WHAT IS BEING ASKED => The answer must be one number: how many lines in the data below include the string "Steel".

Saved data entries =>
━━━━━━━━━━━━━━━━
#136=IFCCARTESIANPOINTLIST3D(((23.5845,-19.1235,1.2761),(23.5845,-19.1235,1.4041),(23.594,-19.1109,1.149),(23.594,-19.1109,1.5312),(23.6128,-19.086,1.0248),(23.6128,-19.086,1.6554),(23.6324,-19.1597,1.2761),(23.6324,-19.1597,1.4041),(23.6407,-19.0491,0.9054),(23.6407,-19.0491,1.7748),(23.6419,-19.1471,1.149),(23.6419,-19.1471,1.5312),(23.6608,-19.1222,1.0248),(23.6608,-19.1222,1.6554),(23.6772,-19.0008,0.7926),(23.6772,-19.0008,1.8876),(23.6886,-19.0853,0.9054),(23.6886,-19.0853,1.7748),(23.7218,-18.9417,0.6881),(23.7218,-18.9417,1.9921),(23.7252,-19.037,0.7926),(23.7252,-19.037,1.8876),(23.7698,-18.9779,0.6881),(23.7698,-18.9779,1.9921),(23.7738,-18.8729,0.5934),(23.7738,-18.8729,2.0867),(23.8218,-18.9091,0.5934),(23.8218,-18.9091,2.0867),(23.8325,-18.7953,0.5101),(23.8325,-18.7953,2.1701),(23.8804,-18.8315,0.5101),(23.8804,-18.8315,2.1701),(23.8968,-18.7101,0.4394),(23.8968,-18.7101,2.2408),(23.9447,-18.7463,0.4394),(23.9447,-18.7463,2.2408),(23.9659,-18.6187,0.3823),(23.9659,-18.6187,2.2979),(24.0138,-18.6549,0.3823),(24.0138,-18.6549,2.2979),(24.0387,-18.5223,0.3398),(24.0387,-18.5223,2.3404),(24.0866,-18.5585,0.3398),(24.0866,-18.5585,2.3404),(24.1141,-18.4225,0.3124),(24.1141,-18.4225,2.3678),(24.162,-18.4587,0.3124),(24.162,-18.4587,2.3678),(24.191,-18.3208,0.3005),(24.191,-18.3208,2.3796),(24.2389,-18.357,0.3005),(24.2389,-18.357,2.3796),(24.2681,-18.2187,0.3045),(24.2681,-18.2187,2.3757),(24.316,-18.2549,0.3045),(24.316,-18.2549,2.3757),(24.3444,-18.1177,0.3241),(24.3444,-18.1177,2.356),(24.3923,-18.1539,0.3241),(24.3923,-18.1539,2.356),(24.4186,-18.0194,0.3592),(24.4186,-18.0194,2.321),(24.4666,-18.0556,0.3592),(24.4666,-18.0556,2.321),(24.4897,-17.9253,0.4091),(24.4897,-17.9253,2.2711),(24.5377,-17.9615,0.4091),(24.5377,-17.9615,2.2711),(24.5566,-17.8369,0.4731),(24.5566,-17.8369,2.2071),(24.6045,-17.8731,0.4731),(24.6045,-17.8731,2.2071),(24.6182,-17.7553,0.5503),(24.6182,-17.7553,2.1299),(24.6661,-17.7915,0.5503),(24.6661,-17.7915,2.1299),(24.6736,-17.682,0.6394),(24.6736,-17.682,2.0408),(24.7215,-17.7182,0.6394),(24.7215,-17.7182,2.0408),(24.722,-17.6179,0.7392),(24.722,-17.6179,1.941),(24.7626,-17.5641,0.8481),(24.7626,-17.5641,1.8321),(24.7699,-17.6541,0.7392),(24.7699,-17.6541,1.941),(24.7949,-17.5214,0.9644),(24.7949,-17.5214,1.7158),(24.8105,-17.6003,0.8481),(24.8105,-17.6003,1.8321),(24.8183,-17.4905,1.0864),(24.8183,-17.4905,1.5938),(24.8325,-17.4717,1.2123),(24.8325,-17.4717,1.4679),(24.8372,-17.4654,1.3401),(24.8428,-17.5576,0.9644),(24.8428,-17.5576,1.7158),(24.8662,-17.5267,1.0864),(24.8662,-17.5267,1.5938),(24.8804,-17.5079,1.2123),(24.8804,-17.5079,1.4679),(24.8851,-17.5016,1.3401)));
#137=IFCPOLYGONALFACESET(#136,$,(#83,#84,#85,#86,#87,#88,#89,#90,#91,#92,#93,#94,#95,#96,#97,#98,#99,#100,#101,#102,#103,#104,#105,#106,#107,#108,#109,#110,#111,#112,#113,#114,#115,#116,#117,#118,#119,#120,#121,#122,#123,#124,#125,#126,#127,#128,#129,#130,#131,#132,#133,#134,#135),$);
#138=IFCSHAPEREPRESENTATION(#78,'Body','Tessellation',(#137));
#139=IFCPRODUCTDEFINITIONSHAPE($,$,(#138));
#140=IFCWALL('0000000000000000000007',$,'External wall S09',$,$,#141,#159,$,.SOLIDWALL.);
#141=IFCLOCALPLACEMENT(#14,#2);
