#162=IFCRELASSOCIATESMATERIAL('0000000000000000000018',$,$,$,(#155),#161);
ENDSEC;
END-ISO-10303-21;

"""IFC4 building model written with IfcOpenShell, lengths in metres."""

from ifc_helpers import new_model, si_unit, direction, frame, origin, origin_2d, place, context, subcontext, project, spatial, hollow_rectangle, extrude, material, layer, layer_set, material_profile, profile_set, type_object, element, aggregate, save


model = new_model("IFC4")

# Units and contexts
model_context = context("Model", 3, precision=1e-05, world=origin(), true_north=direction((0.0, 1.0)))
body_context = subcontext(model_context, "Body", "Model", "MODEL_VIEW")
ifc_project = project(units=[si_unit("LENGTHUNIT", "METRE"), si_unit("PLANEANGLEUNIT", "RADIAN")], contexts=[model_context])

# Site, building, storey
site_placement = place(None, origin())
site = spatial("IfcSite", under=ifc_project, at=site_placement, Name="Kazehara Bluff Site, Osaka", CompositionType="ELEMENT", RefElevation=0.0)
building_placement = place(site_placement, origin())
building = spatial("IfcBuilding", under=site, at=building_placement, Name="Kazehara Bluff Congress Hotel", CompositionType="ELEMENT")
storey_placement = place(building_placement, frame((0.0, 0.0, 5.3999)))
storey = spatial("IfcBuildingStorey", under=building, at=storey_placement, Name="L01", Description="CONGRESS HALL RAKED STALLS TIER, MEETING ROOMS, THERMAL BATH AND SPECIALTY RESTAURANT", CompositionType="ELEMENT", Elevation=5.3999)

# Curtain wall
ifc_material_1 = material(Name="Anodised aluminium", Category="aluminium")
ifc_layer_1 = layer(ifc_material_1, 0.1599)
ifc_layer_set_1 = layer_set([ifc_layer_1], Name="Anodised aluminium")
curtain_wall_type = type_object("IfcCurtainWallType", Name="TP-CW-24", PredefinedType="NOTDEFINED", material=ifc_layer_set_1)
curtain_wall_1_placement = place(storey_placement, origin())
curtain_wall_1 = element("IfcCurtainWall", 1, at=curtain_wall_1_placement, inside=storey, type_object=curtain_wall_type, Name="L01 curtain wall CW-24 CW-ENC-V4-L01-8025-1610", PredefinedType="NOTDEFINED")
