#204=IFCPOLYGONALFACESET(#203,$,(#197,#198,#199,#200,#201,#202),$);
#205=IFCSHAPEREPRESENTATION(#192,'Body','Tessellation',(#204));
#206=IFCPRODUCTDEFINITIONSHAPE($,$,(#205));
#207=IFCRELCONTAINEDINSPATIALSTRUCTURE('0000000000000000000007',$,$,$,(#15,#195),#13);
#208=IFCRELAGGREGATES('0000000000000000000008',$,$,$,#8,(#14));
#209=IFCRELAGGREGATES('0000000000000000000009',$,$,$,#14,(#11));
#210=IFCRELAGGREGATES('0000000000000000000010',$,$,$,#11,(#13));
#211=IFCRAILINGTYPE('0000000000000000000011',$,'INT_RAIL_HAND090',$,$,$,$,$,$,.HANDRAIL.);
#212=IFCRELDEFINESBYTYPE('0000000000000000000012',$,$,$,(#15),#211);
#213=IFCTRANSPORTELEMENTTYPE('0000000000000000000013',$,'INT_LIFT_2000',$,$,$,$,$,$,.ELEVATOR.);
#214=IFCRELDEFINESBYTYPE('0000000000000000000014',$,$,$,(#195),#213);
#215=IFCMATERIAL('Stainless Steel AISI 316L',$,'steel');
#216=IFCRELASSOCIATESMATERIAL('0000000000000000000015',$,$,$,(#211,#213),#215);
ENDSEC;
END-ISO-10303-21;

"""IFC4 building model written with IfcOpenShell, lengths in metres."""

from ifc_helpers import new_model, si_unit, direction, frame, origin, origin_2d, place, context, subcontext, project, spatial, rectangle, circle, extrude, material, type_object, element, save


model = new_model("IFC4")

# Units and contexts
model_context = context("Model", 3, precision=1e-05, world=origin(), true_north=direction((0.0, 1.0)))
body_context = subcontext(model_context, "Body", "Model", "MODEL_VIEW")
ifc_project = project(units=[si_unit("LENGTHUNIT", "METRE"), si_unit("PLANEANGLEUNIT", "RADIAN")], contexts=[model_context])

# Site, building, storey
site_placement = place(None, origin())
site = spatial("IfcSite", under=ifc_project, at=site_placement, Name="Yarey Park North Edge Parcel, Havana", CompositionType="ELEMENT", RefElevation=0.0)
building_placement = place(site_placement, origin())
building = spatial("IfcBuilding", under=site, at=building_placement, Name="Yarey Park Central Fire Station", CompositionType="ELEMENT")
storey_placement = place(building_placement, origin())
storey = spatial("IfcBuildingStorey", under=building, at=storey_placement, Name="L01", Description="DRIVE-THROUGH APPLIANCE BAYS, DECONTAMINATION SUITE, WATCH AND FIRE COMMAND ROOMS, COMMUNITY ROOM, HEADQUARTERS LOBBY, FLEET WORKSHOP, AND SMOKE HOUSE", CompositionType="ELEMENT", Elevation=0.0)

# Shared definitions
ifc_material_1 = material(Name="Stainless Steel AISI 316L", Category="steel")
━━━━━━━━━━━━━━━━
SOLUTION FOR THIS EXERCISE => 2